Search the data for the word "Name" and copy each line that has it.

Source records =
===============
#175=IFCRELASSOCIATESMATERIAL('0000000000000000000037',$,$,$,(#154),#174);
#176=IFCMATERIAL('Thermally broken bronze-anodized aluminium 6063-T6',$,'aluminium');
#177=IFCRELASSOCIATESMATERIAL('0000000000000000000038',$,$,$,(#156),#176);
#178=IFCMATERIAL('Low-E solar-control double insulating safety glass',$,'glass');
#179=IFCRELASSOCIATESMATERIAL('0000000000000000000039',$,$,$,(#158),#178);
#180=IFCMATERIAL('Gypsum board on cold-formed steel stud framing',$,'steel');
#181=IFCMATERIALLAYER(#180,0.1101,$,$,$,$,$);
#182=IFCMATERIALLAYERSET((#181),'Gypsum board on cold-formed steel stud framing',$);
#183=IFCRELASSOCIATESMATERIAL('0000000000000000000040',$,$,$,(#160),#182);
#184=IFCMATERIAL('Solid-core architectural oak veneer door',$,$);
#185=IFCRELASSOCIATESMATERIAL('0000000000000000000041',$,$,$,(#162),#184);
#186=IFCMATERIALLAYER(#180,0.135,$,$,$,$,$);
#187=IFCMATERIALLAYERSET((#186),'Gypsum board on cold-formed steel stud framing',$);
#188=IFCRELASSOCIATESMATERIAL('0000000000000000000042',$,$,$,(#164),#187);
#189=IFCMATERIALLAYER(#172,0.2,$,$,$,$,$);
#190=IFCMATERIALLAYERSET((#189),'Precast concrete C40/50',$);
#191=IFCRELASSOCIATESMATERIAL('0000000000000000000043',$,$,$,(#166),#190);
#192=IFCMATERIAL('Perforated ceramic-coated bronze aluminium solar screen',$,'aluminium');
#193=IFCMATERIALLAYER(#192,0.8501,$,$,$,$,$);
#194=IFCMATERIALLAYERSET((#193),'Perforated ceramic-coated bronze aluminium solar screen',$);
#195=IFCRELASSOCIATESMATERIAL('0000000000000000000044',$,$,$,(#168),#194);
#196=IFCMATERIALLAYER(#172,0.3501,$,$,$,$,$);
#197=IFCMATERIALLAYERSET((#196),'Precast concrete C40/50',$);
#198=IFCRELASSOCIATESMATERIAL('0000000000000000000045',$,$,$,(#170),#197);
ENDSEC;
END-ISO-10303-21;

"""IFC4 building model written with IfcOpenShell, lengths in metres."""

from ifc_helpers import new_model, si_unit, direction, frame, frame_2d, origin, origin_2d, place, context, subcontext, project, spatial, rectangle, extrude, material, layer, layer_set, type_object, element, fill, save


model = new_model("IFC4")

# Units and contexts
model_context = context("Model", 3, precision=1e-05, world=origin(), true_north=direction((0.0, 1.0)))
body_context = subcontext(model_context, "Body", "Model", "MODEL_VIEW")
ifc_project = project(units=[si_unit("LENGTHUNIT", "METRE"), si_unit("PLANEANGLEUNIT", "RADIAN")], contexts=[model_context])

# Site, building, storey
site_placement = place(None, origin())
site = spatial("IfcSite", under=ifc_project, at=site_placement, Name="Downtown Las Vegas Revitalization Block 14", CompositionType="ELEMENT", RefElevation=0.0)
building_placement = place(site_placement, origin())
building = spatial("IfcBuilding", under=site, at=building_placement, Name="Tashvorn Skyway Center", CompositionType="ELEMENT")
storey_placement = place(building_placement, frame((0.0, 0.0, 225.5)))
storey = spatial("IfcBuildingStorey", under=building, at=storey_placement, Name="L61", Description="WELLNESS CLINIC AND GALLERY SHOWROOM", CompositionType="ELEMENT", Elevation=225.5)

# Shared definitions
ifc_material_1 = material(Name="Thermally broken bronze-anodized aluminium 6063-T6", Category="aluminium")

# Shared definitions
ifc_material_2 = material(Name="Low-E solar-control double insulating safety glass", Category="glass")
===============
TASK RESULT =
site = spatial("IfcSite", under=ifc_project, at=site_placement, Name="Downtown Las Vegas Revitalization Block 14", CompositionType="ELEMENT", RefElevation=0.0)
building = spatial("IfcBuilding", under=site, at=building_placement, Name="Tashvorn Skyway Center", CompositionType="ELEMENT")
storey = spatial("IfcBuildingStorey", under=building, at=storey_placement, Name="L61", Description="WELLNESS CLINIC AND GALLERY SHOWROOM", CompositionType="ELEMENT", Elevation=225.5)
ifc_material_1 = material(Name="Thermally broken bronze-anodized aluminium 6063-T6", Category="aluminium")
ifc_material_2 = material(Name="Low-E solar-control double insulating safety glass", Category="glass")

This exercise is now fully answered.